- **WHAT YOU SHOULD DO**
Look through the data below for the string "column", and copy every line where it turns up.

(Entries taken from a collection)
********************

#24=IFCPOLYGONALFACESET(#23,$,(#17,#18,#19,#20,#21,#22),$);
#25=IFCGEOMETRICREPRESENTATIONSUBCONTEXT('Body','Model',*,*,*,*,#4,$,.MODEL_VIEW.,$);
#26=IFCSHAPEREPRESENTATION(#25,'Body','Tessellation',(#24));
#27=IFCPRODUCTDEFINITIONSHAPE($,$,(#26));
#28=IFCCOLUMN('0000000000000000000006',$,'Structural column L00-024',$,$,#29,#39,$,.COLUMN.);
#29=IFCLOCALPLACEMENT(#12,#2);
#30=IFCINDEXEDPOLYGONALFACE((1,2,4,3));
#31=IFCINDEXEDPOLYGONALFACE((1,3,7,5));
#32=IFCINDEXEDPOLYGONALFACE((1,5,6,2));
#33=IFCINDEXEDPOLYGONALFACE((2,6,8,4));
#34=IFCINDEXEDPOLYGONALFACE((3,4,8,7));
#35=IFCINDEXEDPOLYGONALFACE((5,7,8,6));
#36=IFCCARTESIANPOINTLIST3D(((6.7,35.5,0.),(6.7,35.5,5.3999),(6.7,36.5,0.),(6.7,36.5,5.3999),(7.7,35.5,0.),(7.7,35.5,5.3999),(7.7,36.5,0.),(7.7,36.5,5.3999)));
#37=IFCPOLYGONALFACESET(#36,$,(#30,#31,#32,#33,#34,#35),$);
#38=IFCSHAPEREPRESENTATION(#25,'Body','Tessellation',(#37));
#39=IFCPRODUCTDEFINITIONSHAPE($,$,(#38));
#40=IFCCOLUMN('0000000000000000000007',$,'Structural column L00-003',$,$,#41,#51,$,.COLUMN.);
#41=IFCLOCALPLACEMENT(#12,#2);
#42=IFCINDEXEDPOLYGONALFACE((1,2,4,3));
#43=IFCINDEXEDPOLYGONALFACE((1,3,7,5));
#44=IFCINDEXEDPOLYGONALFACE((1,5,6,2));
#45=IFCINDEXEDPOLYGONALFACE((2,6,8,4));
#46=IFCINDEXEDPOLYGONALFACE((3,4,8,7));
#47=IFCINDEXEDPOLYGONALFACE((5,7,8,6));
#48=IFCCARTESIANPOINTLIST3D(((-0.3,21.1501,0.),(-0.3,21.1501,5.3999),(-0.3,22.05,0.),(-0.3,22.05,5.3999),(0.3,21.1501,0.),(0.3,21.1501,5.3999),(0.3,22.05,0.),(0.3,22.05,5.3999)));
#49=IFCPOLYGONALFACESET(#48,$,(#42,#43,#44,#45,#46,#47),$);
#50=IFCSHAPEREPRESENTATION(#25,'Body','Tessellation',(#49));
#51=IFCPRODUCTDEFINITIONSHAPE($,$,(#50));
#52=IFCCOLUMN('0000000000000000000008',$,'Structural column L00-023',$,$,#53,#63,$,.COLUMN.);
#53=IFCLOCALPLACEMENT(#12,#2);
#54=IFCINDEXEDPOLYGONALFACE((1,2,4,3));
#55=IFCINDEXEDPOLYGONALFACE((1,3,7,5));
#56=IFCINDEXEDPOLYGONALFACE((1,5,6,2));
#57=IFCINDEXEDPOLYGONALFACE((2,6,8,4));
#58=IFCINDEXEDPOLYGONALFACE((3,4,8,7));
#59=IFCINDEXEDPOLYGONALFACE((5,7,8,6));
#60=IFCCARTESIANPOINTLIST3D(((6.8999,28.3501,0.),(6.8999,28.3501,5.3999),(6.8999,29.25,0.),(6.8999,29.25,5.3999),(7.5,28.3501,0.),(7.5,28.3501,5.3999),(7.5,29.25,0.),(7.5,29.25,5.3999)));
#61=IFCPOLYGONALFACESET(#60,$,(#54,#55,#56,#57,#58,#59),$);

********************

- **RESPONSE**
#28=IFCCOLUMN('0000000000000000000006',$,'Structural column L00-024',$,$,#29,#39,$,.COLUMN.);
#40=IFCCOLUMN('0000000000000000000007',$,'Structural column L00-003',$,$,#41,#51,$,.COLUMN.);
#52=IFCCOLUMN('0000000000000000000008',$,'Structural column L00-023',$,$,#53,#63,$,.COLUMN.);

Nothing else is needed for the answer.